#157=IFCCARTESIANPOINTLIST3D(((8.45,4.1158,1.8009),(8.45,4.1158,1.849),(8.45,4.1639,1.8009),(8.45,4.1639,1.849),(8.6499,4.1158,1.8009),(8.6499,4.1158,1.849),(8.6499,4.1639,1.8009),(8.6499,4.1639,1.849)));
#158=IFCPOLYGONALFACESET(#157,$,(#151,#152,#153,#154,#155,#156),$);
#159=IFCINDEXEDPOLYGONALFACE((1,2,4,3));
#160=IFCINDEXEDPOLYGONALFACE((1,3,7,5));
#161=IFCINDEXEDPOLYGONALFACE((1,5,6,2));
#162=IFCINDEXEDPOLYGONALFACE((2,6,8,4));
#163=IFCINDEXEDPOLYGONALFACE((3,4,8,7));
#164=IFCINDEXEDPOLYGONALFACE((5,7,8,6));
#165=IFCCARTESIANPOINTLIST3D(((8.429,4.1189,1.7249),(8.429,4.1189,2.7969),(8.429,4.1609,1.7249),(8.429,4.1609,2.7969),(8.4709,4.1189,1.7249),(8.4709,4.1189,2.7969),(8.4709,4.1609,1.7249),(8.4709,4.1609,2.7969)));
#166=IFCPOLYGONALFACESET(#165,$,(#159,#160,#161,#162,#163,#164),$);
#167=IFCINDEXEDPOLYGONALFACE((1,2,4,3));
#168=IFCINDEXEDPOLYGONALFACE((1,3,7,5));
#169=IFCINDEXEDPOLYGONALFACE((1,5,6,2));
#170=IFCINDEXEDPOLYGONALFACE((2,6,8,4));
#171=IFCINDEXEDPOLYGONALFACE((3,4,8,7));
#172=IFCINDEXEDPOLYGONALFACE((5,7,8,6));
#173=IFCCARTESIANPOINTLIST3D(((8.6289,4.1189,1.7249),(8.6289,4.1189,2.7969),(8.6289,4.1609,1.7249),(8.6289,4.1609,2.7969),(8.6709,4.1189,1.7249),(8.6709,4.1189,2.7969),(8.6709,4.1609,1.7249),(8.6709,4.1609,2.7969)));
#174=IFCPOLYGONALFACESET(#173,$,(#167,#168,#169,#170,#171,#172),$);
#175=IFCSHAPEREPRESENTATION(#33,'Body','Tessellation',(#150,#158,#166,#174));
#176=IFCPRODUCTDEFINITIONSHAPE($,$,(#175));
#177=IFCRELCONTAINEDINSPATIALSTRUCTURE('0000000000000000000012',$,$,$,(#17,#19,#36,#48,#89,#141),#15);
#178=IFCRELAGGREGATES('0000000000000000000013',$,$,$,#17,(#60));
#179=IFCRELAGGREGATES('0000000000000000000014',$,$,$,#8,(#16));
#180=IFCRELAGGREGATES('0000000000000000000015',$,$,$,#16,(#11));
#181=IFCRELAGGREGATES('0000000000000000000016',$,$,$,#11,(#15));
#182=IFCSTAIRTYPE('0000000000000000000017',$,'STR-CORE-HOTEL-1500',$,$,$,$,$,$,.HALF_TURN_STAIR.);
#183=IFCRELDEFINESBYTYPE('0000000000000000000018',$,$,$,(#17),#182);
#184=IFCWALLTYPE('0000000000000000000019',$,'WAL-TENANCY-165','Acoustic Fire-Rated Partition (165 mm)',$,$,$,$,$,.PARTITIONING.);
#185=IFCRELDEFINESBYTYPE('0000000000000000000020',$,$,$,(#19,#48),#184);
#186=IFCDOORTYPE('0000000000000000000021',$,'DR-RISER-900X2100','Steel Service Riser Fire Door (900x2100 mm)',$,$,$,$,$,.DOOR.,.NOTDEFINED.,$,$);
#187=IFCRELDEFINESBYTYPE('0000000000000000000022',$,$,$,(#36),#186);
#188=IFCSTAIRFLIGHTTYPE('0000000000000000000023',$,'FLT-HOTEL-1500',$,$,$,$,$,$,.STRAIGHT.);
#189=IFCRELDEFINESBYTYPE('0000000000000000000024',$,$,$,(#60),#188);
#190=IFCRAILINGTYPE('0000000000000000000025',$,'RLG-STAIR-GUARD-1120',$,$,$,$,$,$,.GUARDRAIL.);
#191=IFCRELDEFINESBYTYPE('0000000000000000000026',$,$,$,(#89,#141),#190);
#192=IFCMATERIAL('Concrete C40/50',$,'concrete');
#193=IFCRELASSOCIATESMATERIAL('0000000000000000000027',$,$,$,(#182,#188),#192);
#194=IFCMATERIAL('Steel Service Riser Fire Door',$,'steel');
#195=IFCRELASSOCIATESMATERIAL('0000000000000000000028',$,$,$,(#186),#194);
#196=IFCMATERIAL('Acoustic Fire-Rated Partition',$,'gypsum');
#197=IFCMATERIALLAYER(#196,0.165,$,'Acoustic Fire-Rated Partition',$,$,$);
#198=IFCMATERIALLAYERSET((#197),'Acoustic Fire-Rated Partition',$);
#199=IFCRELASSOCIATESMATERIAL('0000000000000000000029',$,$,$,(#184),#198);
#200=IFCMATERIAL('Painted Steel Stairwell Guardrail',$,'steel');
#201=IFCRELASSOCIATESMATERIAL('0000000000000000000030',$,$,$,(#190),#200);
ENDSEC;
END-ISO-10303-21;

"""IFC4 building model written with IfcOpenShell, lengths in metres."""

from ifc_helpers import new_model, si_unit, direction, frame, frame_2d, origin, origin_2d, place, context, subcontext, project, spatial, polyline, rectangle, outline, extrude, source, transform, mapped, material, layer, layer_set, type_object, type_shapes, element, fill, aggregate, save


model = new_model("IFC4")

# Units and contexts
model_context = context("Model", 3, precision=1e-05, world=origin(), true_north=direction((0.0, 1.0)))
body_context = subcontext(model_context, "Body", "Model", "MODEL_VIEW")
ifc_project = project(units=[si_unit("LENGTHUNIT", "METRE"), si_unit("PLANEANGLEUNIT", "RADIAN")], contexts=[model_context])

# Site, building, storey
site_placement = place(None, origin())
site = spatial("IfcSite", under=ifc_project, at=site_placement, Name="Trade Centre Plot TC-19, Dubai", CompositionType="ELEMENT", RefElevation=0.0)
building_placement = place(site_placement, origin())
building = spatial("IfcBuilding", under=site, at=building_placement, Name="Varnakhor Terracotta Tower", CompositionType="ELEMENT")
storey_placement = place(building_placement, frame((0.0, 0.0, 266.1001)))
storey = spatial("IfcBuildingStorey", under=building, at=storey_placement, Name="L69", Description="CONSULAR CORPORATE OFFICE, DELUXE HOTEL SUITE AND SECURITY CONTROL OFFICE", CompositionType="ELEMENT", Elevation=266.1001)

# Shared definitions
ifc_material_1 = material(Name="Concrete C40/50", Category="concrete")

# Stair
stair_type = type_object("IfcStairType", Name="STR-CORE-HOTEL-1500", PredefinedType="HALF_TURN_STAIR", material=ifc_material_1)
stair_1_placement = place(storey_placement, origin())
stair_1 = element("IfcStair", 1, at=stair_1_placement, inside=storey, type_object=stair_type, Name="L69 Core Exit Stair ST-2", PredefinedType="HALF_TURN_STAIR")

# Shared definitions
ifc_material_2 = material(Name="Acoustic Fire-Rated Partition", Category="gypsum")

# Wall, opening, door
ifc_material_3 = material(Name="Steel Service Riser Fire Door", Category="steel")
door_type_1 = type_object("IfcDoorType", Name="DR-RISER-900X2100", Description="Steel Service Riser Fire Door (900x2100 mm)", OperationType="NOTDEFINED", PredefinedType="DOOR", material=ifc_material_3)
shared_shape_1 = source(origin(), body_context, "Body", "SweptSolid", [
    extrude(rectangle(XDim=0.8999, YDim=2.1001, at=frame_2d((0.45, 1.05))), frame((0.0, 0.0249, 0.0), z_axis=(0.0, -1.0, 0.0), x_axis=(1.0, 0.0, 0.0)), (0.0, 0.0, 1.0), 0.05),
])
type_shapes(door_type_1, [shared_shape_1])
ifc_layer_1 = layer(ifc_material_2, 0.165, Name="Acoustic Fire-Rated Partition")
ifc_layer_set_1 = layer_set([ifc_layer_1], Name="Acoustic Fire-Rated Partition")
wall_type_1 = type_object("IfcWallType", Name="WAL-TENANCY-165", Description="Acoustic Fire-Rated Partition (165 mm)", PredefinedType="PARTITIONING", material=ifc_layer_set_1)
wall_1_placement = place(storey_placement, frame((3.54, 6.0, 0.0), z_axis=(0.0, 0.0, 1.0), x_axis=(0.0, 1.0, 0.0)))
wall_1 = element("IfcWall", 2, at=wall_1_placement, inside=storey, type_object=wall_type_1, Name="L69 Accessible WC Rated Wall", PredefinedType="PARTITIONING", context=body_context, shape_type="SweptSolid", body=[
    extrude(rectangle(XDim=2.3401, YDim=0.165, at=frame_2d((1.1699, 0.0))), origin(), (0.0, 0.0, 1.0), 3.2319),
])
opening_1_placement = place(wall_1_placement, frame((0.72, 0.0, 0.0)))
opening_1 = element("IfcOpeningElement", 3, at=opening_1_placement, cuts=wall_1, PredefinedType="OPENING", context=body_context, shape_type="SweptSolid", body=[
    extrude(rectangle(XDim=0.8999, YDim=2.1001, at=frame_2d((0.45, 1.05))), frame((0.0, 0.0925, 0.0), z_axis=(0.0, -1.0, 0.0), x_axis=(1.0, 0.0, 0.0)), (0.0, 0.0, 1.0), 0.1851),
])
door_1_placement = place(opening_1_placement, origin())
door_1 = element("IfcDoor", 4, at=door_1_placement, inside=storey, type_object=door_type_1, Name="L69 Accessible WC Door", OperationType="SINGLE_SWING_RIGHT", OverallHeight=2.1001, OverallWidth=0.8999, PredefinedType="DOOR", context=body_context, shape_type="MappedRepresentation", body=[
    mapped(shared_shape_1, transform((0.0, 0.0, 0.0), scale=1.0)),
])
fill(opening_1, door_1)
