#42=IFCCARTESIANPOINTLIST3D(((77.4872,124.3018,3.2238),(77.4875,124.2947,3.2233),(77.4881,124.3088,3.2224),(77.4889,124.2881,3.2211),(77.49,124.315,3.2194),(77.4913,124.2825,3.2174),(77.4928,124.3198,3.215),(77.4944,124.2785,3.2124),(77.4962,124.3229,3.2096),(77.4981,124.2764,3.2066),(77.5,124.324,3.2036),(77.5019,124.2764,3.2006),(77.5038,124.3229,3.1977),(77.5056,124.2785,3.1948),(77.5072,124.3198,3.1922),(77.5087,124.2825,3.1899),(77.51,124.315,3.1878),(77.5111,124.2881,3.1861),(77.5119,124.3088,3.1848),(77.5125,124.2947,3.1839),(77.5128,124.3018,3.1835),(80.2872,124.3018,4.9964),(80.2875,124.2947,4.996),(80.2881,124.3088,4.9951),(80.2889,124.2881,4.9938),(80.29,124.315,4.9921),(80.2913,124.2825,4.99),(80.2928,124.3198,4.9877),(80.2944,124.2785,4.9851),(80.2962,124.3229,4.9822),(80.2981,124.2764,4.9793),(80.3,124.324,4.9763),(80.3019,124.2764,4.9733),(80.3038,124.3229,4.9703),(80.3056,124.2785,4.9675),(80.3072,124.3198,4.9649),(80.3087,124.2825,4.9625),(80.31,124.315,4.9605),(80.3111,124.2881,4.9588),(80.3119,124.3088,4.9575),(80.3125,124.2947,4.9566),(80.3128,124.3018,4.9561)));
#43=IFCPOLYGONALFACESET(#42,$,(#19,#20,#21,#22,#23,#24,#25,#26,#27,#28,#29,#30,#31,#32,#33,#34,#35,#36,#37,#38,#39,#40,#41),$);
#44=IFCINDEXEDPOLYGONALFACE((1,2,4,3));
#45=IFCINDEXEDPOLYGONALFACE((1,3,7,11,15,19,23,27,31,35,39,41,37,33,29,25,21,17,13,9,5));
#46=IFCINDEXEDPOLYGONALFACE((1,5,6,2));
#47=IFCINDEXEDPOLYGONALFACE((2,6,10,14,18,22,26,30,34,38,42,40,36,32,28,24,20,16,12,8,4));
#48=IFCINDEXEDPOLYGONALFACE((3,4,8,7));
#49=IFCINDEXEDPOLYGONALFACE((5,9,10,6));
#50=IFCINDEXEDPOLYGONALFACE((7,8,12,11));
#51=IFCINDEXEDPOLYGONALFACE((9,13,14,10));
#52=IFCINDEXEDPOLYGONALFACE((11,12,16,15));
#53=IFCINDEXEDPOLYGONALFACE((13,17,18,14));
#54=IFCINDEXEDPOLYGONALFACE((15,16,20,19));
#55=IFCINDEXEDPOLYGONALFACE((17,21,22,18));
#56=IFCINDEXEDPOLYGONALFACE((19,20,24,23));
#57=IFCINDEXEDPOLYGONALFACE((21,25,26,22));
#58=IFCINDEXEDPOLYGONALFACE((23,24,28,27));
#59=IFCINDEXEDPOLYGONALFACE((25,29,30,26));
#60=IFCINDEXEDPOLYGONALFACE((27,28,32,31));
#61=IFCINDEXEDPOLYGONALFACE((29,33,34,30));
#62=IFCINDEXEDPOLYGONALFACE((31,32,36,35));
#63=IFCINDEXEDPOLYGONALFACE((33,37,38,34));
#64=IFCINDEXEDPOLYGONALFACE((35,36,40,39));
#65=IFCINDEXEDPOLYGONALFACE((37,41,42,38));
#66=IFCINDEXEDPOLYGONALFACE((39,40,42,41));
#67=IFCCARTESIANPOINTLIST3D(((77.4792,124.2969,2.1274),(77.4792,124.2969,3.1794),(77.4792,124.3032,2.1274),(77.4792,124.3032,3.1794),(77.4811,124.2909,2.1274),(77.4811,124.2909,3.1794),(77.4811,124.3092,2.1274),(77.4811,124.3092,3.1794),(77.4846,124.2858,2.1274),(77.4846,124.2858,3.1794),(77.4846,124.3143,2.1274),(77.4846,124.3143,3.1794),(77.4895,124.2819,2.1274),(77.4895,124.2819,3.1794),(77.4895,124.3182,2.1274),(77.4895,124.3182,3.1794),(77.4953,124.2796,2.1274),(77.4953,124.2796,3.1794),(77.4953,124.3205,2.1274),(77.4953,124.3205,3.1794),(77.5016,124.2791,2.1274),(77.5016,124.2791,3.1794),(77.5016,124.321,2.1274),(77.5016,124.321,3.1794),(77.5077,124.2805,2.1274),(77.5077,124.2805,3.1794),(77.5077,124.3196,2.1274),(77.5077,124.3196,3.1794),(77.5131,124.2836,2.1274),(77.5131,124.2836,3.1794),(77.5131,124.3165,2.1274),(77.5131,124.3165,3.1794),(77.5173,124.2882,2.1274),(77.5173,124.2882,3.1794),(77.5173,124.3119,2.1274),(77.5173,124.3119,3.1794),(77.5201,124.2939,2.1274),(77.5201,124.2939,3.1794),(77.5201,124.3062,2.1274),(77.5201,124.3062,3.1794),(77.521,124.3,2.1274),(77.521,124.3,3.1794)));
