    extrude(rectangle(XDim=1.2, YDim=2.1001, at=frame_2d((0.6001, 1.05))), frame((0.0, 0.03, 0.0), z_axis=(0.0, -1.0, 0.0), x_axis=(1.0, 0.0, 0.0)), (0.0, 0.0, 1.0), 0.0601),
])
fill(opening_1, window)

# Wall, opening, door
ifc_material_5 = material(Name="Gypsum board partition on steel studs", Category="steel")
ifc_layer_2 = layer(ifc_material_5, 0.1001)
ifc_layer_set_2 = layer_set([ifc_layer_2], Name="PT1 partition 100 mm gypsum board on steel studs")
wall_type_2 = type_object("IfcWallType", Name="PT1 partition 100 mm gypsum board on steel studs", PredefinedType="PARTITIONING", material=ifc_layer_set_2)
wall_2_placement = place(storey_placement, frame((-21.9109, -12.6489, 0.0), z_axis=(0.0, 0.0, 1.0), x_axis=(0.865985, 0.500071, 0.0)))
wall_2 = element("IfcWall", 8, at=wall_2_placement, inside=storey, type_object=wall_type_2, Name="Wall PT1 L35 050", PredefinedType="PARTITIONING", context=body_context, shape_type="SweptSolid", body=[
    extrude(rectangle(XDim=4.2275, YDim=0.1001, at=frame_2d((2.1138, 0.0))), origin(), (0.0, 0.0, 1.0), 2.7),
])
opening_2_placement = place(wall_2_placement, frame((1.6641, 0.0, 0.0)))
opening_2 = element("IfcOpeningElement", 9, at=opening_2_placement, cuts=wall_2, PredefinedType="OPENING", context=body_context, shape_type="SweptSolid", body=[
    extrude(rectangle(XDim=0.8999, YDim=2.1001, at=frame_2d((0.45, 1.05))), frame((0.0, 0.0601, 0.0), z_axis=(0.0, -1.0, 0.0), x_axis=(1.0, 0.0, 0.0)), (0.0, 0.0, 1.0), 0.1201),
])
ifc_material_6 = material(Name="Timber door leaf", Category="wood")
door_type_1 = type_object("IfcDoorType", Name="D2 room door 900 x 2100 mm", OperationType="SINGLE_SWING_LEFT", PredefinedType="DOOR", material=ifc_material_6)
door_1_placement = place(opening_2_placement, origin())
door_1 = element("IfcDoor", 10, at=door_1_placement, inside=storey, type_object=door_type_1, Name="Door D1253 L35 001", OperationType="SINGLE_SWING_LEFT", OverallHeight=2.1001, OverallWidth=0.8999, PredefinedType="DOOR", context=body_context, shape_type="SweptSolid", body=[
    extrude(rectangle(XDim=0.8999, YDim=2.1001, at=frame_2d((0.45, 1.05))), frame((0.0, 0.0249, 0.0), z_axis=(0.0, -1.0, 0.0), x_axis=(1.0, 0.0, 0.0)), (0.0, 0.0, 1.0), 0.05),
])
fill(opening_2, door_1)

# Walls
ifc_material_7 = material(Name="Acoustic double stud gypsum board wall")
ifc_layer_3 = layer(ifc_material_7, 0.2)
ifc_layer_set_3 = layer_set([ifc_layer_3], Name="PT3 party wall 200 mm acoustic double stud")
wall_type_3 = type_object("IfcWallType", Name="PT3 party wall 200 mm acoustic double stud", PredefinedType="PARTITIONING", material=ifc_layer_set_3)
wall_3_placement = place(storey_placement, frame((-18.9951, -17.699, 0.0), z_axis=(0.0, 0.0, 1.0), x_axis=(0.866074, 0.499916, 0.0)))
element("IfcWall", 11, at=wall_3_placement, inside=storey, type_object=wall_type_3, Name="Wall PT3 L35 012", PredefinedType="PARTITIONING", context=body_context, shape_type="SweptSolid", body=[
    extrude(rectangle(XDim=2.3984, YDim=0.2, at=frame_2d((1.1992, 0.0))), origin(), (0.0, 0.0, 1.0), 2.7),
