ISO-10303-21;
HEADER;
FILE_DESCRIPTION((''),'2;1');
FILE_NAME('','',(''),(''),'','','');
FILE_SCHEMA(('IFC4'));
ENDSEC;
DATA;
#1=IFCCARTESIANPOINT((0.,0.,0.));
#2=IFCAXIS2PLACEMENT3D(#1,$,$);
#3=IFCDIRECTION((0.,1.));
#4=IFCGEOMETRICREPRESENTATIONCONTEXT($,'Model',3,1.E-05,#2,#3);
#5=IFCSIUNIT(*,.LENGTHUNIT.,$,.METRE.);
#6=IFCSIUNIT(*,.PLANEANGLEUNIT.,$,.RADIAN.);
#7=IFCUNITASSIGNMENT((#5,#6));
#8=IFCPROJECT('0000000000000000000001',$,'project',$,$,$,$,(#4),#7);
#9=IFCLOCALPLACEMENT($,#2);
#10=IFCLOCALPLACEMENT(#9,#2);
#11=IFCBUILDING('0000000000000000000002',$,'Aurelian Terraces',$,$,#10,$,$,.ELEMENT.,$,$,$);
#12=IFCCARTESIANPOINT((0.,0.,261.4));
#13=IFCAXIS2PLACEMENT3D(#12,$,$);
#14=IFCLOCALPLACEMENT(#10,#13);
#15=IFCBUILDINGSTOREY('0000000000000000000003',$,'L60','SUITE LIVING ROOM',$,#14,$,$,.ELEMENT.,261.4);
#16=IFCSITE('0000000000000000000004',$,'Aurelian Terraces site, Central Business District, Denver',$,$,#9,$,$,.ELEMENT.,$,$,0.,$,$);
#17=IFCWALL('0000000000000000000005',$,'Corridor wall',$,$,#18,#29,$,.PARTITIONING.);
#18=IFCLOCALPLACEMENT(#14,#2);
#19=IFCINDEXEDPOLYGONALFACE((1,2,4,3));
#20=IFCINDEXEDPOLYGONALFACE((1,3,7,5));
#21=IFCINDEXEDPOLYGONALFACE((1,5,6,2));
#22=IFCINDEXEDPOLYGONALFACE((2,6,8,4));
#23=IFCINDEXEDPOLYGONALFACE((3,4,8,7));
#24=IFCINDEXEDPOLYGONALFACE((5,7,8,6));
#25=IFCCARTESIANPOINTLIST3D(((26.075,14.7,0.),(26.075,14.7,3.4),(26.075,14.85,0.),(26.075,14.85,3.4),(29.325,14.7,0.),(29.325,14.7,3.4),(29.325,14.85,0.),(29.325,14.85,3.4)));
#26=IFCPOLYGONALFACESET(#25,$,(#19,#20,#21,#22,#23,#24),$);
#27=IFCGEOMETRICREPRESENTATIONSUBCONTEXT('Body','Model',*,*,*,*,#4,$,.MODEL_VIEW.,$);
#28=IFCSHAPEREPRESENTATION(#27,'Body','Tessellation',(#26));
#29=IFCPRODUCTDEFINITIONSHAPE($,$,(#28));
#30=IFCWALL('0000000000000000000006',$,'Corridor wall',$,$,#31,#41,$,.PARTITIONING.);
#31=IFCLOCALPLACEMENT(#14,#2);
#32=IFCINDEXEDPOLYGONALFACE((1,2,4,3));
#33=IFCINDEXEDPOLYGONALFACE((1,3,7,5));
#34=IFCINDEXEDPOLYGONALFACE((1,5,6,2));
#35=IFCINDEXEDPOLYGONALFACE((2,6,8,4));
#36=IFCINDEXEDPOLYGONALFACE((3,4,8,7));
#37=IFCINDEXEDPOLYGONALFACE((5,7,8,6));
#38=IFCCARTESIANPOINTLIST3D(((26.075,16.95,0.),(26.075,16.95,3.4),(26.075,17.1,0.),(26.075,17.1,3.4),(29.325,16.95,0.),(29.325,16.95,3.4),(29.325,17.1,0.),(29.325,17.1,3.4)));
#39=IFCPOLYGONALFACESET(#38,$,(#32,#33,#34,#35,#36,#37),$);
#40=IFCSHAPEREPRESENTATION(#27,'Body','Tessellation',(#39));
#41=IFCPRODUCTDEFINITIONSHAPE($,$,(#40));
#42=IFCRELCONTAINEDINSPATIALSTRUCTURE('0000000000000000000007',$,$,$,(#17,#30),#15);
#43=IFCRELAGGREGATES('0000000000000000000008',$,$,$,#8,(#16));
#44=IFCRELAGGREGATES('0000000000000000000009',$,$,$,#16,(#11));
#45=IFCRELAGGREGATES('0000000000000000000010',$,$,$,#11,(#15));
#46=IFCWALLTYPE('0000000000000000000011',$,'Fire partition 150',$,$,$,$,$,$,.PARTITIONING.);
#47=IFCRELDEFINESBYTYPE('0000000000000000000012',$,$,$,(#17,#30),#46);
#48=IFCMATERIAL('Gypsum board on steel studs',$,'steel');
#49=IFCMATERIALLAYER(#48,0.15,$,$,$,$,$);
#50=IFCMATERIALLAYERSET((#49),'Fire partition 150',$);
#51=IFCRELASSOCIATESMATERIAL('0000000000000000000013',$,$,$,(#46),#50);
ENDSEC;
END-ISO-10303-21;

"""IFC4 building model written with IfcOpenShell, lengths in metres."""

from ifc_helpers import new_model, si_unit, direction, frame, frame_2d, origin, place, context, subcontext, project, spatial, rectangle, extrude, source, transform, mapped, material, layer, layer_set, type_object, element, save


model = new_model("IFC4")

# Units and contexts
model_context = context("Model", 3, precision=1e-05, world=origin(), true_north=direction((0.0, 1.0)))
body_context = subcontext(model_context, "Body", "Model", "MODEL_VIEW")
ifc_project = project(units=[si_unit("LENGTHUNIT", "METRE"), si_unit("PLANEANGLEUNIT", "RADIAN")], contexts=[model_context])

# Site, building, storey
site_placement = place(None, origin())
site = spatial("IfcSite", under=ifc_project, at=site_placement, Name="Aurelian Terraces site, Central Business District, Denver", CompositionType="ELEMENT", RefElevation=0.0)
building_placement = place(site_placement, origin())
building = spatial("IfcBuilding", under=site, at=building_placement, Name="Aurelian Terraces", CompositionType="ELEMENT")
storey_placement = place(building_placement, frame((0.0, 0.0, 261.4)))
storey = spatial("IfcBuildingStorey", under=building, at=storey_placement, Name="L60", Description="SUITE LIVING ROOM", CompositionType="ELEMENT", Elevation=261.4)

# Shared definitions
ifc_material_1 = material(Name="Gypsum board on steel studs", Category="steel")

# Shared definitions
ifc_layer_1 = layer(ifc_material_1, 0.15)
ifc_layer_set_1 = layer_set([ifc_layer_1], Name="Fire partition 150")
wall_type_1 = type_object("IfcWallType", Name="Fire partition 150", PredefinedType="PARTITIONING", material=ifc_layer_set_1)

# Walls
shared_shape_1 = source(origin(), body_context, "Body", "SweptSolid", [
    extrude(rectangle(XDim=3.25, YDim=0.15, at=frame_2d((1.625, 0.0))), origin(), (0.0, 0.0, 1.0), 3.4),
])
for number, where, z_axis, x_axis, name in (
    (1, (29.325, 14.775, 0.0), (0.0, 0.0, 1.0), (-1.0, 0.0, 0.0), "Corridor wall"),
    (2, (26.075, 17.025, 0.0), (0.0, 0.0, 1.0), (1.0, 0.0, 0.0), "Corridor wall"),
):
    element("IfcWall", number, at=place(storey_placement, frame(where, z_axis=z_axis, x_axis=x_axis)), inside=storey, type_object=wall_type_1, Name=name, PredefinedType="PARTITIONING", context=body_context, shape_type="MappedRepresentation", body=[
        mapped(shared_shape_1, transform((0.0, 0.0, 0.0), scale=1.0)),
    ])

save(model, "model.ifc")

++++++

■ WORK INSTRUCTION ■
Taking the entries above, print exactly the lines starting at the line with "#37=IFCINDEXEDPOLYGONALFACE((5,7,8,6));" and ending at the line with "#41=IFCPRODUCTDEFINITIONSHAPE($,$,(#40));", both included.

■ THE COMPLETED TASK ■
#37=IFCINDEXEDPOLYGONALFACE((5,7,8,6));
#38=IFCCARTESIANPOINTLIST3D(((26.075,16.95,0.),(26.075,16.95,3.4),(26.075,17.1,0.),(26.075,17.1,3.4),(29.325,16.95,0.),(29.325,16.95,3.4),(29.325,17.1,0.),(29.325,17.1,3.4)));
#39=IFCPOLYGONALFACESET(#38,$,(#32,#33,#34,#35,#36,#37),$);
#40=IFCSHAPEREPRESENTATION(#27,'Body','Tessellation',(#39));
#41=IFCPRODUCTDEFINITIONSHAPE($,$,(#40));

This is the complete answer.